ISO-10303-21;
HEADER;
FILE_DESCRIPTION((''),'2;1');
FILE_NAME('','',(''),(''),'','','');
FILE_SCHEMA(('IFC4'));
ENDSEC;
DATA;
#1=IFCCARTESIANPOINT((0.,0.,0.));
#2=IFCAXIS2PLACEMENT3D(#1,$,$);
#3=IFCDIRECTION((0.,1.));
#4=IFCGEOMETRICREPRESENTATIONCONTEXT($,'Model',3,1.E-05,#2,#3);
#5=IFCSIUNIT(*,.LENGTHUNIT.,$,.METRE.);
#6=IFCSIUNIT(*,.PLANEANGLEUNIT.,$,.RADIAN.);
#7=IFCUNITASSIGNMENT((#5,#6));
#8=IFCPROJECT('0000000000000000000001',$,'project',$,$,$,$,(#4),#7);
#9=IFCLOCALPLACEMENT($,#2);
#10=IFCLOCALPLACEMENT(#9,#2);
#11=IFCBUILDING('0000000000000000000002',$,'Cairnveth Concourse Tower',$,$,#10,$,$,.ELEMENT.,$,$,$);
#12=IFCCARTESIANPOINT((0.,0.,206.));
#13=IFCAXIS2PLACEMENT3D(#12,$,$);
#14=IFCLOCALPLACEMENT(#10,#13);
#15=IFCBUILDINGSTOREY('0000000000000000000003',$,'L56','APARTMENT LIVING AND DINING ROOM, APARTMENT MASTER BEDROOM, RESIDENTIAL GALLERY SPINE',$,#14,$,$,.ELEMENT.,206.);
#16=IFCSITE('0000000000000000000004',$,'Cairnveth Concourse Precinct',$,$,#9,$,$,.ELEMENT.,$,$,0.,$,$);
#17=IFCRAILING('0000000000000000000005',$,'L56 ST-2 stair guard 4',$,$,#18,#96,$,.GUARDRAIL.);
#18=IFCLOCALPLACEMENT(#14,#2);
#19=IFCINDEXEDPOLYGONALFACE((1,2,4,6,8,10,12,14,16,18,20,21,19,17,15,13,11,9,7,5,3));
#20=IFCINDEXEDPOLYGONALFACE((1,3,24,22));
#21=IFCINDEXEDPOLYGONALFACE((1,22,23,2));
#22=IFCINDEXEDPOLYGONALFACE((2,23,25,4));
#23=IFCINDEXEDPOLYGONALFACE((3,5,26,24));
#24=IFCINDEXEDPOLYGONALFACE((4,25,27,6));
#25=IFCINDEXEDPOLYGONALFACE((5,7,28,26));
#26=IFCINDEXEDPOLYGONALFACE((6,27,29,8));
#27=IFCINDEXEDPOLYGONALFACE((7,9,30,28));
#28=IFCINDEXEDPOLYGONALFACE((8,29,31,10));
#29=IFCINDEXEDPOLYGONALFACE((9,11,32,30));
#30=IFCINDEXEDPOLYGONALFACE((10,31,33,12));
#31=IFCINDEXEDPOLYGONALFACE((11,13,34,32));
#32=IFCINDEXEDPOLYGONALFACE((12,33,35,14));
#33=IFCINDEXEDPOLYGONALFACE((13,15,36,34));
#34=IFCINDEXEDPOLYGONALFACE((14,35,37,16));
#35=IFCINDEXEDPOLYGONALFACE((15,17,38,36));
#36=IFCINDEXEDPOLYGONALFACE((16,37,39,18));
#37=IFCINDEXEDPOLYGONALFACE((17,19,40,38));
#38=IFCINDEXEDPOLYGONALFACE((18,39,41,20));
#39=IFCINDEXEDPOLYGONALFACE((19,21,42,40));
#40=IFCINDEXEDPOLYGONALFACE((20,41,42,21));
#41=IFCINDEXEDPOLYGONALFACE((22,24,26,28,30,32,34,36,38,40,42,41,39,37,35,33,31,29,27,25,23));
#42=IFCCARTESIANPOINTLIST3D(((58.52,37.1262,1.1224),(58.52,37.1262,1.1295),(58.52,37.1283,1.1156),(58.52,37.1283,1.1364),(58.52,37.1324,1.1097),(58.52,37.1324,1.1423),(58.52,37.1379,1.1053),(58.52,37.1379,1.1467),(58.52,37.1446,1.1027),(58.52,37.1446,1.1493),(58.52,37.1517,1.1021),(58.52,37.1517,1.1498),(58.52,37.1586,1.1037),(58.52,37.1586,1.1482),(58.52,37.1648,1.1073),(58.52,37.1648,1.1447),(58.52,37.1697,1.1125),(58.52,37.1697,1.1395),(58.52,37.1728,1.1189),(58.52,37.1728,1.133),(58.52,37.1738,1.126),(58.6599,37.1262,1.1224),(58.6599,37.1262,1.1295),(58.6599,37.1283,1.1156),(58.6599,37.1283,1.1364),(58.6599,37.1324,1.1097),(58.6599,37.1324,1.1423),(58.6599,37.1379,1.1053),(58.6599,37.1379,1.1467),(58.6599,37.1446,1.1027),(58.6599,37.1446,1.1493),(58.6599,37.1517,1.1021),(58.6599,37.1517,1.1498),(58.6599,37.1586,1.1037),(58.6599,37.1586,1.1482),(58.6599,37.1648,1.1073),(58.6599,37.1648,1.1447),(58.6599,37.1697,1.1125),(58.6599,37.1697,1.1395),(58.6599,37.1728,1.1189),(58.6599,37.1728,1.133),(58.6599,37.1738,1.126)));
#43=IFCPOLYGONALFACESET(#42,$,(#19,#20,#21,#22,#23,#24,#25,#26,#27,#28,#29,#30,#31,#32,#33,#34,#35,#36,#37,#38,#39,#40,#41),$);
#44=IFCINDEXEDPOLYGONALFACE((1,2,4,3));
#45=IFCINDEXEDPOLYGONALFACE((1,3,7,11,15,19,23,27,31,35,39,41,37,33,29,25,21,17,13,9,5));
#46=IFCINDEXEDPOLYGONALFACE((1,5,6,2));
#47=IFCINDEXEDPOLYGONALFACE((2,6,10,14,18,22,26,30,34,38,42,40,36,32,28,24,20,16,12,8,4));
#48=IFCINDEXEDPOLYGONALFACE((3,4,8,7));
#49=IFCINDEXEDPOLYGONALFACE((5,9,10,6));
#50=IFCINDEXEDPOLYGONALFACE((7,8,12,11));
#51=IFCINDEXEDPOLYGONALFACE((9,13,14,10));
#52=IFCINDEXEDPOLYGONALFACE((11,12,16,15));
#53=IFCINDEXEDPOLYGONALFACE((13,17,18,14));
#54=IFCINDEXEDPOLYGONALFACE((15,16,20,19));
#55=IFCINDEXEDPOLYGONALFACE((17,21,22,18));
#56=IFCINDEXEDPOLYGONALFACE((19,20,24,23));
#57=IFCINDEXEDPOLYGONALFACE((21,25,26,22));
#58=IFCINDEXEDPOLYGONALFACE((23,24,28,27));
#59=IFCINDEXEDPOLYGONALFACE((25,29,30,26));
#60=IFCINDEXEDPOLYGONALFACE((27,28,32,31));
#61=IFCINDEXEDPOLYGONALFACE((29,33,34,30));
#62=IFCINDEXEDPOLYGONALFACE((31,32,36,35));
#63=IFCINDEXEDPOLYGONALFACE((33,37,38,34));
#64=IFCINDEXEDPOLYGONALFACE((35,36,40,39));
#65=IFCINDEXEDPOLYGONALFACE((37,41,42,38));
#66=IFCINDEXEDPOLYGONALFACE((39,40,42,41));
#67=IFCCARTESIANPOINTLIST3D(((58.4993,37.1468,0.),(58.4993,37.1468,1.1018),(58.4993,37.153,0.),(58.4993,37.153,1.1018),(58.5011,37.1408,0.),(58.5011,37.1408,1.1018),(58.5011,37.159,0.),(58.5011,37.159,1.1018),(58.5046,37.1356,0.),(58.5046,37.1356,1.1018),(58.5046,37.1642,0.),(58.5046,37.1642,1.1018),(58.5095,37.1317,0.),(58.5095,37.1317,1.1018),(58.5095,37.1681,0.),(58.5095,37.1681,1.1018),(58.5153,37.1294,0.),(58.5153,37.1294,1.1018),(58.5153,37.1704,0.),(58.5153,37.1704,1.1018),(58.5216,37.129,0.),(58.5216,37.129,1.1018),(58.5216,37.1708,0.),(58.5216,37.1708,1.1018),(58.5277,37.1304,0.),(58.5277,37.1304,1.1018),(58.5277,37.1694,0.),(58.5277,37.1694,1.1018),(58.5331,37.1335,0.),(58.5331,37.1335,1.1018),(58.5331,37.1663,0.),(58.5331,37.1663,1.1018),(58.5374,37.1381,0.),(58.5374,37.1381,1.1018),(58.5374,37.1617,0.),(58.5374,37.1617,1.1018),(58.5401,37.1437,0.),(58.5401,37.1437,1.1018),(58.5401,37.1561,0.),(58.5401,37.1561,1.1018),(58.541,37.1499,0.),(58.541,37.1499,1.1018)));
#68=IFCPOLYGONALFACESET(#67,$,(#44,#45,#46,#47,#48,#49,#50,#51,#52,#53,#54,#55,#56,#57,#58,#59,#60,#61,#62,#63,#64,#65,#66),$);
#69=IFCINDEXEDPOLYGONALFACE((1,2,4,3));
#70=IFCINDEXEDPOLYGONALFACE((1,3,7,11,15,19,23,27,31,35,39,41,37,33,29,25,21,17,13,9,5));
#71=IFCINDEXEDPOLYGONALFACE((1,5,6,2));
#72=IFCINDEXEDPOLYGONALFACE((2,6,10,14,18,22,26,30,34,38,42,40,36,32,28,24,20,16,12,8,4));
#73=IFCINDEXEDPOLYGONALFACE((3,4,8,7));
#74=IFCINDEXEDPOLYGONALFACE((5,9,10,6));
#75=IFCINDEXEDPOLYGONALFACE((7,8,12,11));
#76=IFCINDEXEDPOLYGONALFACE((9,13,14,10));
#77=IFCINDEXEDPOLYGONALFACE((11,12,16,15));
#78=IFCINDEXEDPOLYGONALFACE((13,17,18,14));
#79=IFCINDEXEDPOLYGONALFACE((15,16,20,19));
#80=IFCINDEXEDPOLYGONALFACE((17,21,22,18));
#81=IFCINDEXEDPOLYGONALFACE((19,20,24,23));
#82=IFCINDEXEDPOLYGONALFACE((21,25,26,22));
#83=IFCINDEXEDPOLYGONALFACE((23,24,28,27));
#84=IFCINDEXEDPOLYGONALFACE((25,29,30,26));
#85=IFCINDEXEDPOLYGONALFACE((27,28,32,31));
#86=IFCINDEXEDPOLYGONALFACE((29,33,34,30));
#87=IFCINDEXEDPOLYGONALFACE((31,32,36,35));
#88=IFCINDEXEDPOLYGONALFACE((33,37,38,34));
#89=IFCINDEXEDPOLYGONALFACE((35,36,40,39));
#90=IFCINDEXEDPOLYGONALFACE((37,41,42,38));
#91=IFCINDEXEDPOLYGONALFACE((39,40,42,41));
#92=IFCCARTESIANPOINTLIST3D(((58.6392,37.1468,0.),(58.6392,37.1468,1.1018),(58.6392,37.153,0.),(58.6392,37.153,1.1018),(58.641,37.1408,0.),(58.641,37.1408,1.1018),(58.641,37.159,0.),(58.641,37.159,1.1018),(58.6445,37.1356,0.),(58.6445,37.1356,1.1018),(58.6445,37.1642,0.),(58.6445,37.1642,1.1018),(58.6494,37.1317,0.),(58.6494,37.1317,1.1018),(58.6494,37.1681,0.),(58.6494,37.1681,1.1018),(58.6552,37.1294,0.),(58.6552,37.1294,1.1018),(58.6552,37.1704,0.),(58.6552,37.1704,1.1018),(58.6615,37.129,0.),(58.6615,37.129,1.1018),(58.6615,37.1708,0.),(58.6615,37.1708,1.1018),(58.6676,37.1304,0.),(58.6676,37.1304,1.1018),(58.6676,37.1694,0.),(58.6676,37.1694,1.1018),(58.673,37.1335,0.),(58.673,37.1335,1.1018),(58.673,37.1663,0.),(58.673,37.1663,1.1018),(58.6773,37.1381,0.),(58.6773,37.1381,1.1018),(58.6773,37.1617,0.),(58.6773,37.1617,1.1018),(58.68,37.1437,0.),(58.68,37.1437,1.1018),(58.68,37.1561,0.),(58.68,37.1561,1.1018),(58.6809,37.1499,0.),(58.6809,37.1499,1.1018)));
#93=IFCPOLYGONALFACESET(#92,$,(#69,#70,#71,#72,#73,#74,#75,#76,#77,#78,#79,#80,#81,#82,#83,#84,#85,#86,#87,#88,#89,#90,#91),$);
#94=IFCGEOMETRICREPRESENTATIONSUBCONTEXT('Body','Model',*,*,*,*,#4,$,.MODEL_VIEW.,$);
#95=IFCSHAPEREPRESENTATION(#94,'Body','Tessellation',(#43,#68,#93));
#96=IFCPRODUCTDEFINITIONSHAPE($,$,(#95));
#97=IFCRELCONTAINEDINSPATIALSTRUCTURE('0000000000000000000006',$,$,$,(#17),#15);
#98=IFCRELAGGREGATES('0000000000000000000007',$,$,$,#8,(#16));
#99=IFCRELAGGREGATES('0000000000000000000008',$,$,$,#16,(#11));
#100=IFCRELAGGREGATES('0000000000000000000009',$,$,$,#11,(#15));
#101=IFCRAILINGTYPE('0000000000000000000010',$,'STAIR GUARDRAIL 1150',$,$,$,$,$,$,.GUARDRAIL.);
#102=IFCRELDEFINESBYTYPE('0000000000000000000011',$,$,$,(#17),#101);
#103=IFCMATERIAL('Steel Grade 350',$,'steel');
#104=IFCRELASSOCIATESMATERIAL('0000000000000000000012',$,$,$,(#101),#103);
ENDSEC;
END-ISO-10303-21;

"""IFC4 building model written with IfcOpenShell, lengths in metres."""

from ifc_helpers import new_model, si_unit, direction, frame, origin, origin_2d, place, context, subcontext, project, spatial, circle, extrude, material, type_object, element, save


model = new_model("IFC4")

# Units and contexts
model_context = context("Model", 3, precision=1e-05, world=origin(), true_north=direction((0.0, 1.0)))
body_context = subcontext(model_context, "Body", "Model", "MODEL_VIEW")
ifc_project = project(units=[si_unit("LENGTHUNIT", "METRE"), si_unit("PLANEANGLEUNIT", "RADIAN")], contexts=[model_context])

# Site, building, storey
site_placement = place(None, origin())
site = spatial("IfcSite", under=ifc_project, at=site_placement, Name="Cairnveth Concourse Precinct", CompositionType="ELEMENT", RefElevation=0.0)
building_placement = place(site_placement, origin())
building = spatial("IfcBuilding", under=site, at=building_placement, Name="Cairnveth Concourse Tower", CompositionType="ELEMENT")
storey_placement = place(building_placement, frame((0.0, 0.0, 206.0)))
storey = spatial("IfcBuildingStorey", under=building, at=storey_placement, Name="L56", Description="APARTMENT LIVING AND DINING ROOM, APARTMENT MASTER BEDROOM, RESIDENTIAL GALLERY SPINE", CompositionType="ELEMENT", Elevation=206.0)

# Shared definitions
ifc_material_1 = material(Name="Steel Grade 350", Category="steel")

# Railing
railing_type_1 = type_object("IfcRailingType", Name="STAIR GUARDRAIL 1150", PredefinedType="GUARDRAIL", material=ifc_material_1)
railing_1_placement = place(storey_placement, frame((58.52, 37.1499, 0.0)))
element("IfcRailing", 1, at=railing_1_placement, inside=storey, type_object=railing_type_1, Name="L56 ST-2 stair guard 4", PredefinedType="GUARDRAIL", context=body_context, shape_type="SweptSolid", body=[
    extrude(circle(Radius=0.0239, at=origin_2d()), frame((0.0, 0.0, 1.126), z_axis=(1.0, 0.0, 0.0), x_axis=(0.0, 1.0, 0.0)), (0.0, 0.0, 1.0), 0.1399),
    extrude(circle(Radius=0.021, at=origin_2d()), origin(), (0.0, 0.0, 1.0), 1.1018),
    extrude(circle(Radius=0.021, at=origin_2d()), frame((0.1399, 0.0, 0.0)), (0.0, 0.0, 1.0), 1.1018),
])

save(model, "model.ifc")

### WHAT YOU ARE ASKED TO DO:
Within the listing above, copy each line that has the string "IFCLOCALPLACEMENT".

### WRITTEN RESPONSE:
#9=IFCLOCALPLACEMENT($,#2);
#10=IFCLOCALPLACEMENT(#9,#2);
#14=IFCLOCALPLACEMENT(#10,#13);
#18=IFCLOCALPLACEMENT(#14,#2);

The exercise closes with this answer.